Copy out each line of the listing below where the string "IFCPOLYGONALFACESET" appears.

○ ○ ○ ○

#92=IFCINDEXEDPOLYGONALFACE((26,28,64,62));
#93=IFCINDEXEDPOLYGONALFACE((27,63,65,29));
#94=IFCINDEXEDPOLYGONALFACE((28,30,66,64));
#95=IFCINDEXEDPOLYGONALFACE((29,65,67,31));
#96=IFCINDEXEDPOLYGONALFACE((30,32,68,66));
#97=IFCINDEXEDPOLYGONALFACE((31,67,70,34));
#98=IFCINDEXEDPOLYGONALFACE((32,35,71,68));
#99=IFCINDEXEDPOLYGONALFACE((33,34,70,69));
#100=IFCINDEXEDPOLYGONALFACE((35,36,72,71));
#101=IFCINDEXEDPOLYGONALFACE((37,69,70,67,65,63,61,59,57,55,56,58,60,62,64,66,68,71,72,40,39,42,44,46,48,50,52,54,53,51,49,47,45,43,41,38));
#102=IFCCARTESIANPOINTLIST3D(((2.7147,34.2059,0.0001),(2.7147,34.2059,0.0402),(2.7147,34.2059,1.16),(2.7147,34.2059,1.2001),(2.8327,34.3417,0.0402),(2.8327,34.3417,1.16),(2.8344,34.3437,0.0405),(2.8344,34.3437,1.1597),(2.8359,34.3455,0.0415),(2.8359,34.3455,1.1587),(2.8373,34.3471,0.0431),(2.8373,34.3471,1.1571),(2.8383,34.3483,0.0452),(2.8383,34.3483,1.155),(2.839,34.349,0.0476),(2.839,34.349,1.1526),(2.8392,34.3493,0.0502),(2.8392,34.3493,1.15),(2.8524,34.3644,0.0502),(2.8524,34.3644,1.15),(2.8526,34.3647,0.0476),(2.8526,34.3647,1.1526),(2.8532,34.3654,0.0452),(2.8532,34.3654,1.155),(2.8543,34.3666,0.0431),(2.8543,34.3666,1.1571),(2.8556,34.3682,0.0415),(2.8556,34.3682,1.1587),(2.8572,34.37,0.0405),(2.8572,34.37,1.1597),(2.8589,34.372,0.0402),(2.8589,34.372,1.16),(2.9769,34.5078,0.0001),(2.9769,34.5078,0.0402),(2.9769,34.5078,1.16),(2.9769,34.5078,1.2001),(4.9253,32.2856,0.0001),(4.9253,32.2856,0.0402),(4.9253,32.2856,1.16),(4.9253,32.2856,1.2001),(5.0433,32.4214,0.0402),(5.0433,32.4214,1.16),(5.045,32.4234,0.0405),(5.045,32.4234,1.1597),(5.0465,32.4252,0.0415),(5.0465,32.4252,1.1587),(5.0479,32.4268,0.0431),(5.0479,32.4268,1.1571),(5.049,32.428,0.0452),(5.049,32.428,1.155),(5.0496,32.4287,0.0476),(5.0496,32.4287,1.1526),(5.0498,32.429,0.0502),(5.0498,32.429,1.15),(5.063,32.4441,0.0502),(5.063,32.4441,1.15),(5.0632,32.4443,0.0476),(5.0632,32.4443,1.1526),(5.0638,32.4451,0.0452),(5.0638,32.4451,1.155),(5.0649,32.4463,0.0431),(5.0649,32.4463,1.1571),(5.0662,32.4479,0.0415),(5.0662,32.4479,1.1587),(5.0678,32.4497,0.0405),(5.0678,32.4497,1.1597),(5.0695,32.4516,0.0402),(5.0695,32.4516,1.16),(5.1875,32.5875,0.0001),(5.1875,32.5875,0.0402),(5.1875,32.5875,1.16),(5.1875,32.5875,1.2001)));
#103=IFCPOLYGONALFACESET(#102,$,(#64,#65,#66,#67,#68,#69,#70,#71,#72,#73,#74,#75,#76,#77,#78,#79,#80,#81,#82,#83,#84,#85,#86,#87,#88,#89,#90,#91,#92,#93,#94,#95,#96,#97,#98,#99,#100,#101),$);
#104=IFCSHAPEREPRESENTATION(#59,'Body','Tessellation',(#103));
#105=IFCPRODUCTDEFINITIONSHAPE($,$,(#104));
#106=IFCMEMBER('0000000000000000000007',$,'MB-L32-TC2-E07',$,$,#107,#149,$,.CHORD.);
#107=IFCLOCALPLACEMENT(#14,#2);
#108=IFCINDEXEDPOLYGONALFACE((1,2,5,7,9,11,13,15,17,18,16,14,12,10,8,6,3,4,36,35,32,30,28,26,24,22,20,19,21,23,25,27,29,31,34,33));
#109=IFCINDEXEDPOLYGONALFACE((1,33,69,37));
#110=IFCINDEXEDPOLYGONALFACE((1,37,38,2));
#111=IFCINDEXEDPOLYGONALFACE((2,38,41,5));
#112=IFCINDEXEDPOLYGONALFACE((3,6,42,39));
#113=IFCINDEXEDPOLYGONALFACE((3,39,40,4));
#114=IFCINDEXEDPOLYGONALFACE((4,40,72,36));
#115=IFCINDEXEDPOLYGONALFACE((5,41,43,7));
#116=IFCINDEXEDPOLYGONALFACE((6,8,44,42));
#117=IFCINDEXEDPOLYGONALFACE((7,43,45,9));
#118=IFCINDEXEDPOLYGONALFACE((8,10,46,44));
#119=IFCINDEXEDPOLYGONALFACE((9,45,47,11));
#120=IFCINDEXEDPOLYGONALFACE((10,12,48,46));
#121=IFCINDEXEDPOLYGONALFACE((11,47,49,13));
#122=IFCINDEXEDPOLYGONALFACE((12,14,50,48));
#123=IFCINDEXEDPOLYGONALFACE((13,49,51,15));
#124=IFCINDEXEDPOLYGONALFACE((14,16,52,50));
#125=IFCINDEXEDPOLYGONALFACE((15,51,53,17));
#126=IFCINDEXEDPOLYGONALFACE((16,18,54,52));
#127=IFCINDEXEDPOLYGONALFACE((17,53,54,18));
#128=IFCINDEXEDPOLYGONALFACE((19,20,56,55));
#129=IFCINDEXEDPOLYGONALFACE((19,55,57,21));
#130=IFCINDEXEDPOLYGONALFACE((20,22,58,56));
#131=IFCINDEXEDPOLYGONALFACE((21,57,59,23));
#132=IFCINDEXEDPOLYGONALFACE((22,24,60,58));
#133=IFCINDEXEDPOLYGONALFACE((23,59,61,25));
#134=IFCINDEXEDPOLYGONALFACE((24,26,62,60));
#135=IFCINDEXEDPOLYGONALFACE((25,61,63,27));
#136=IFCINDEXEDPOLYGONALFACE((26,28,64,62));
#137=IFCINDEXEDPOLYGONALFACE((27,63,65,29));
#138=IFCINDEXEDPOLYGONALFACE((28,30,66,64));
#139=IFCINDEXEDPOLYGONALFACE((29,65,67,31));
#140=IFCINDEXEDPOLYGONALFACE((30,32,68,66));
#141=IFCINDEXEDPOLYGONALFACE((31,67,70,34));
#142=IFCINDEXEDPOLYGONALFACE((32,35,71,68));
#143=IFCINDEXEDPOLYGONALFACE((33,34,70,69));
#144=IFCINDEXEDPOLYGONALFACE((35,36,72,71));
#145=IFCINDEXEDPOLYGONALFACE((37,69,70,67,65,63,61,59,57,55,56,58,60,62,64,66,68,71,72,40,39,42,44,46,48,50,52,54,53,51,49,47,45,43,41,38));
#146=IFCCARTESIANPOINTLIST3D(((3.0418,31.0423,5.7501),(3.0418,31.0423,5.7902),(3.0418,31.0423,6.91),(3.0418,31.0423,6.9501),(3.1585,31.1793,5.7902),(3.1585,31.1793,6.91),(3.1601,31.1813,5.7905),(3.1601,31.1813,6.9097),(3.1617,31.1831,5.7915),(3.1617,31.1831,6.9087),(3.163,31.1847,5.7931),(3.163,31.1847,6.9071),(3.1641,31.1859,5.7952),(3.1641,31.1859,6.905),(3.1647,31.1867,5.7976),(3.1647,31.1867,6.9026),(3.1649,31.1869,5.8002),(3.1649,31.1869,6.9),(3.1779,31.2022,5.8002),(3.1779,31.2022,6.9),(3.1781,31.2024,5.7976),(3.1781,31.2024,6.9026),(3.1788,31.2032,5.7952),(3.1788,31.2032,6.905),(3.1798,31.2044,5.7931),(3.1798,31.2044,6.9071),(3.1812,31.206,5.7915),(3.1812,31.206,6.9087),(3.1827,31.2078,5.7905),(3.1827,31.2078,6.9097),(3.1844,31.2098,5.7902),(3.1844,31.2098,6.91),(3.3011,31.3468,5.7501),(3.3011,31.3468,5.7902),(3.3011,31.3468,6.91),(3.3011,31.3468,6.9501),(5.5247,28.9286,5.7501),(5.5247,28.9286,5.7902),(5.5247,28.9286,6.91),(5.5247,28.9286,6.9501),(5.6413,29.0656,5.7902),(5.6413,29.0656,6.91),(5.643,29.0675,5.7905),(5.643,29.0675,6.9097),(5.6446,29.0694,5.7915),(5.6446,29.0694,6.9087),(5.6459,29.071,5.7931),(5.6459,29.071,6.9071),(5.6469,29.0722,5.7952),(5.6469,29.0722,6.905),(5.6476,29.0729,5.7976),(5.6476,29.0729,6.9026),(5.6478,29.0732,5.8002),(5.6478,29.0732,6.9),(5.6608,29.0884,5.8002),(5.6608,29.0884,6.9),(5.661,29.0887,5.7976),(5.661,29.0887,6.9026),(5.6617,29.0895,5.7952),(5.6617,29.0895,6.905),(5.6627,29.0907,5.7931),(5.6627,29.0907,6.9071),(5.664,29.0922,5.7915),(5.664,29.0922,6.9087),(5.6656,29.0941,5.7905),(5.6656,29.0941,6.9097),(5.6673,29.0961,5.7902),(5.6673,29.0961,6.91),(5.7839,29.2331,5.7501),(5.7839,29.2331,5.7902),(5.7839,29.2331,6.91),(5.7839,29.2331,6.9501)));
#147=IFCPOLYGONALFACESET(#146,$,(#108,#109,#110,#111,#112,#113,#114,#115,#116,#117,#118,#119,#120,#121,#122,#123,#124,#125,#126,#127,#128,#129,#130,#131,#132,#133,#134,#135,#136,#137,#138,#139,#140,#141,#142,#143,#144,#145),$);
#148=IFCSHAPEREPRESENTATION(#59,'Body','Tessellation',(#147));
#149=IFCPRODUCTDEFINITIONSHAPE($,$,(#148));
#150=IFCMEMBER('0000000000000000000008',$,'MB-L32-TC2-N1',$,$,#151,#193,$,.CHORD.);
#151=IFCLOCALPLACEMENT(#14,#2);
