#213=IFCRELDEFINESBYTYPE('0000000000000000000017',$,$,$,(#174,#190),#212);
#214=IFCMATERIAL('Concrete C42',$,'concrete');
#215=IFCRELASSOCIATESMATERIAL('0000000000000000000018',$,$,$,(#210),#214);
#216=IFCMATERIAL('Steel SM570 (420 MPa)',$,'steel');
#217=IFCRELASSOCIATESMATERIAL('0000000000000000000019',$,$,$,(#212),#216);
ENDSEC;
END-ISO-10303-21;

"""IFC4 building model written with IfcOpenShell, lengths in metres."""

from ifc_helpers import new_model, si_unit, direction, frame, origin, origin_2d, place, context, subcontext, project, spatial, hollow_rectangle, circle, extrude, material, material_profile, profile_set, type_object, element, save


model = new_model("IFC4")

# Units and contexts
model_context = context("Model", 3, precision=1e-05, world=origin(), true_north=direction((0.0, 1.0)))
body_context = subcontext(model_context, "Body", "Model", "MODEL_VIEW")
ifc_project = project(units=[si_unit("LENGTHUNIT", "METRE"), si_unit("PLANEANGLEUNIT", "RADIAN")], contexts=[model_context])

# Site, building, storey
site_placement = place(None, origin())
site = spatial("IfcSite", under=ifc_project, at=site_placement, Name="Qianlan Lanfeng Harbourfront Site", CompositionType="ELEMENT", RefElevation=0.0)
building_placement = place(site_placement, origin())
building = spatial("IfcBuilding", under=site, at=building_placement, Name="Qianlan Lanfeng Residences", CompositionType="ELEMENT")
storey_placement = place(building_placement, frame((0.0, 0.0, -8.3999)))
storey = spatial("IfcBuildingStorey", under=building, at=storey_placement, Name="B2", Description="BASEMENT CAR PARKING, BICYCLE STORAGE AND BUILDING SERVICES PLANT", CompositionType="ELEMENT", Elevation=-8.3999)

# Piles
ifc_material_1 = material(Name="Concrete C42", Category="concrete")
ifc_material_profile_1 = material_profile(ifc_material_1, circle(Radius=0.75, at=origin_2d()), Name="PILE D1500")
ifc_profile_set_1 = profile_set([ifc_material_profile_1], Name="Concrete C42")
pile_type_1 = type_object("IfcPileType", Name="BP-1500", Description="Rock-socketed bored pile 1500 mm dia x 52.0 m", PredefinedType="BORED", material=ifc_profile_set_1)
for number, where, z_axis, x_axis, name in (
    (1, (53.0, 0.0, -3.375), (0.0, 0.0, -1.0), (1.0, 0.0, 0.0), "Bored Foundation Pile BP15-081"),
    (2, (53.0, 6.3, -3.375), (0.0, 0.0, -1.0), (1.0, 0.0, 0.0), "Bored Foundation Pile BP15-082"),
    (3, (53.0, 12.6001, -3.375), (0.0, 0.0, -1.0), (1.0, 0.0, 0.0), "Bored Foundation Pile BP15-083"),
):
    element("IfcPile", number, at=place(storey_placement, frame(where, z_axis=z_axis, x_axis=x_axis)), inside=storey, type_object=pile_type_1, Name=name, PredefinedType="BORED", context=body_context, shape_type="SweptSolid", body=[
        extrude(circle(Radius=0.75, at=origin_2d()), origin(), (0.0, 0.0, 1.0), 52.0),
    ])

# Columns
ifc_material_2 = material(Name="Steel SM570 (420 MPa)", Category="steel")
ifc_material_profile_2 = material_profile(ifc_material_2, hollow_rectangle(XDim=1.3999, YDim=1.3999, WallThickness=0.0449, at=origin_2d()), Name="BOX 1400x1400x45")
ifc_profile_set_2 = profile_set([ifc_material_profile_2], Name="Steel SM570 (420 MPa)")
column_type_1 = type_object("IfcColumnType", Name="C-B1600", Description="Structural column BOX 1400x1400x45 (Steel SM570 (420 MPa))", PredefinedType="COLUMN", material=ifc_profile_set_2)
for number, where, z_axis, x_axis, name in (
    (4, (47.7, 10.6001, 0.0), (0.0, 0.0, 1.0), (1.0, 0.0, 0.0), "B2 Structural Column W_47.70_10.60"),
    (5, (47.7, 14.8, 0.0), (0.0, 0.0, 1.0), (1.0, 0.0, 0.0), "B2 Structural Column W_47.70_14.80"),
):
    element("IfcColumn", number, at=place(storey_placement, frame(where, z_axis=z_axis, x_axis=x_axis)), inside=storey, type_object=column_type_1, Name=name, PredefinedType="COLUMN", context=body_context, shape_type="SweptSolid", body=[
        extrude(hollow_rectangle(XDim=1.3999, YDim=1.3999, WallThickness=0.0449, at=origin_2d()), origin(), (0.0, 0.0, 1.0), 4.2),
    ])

○ ○ ○ ○

§ Exercise solution
#103=IFCPOLYGONALFACESET(#102,$,(#64,#65,#66,#67,#68,#69,#70,#71,#72,#73,#74,#75,#76,#77,#78,#79,#80,#81,#82,#83,#84,#85,#86,#87,#88,#89,#90,#91,#92,#93,#94,#95,#96,#97,#98,#99,#100,#101),$);
#147=IFCPOLYGONALFACESET(#146,$,(#108,#109,#110,#111,#112,#113,#114,#115,#116,#117,#118,#119,#120,#121,#122,#123,#124,#125,#126,#127,#128,#129,#130,#131,#132,#133,#134,#135,#136,#137,#138,#139,#140,#141,#142,#143,#144,#145),$);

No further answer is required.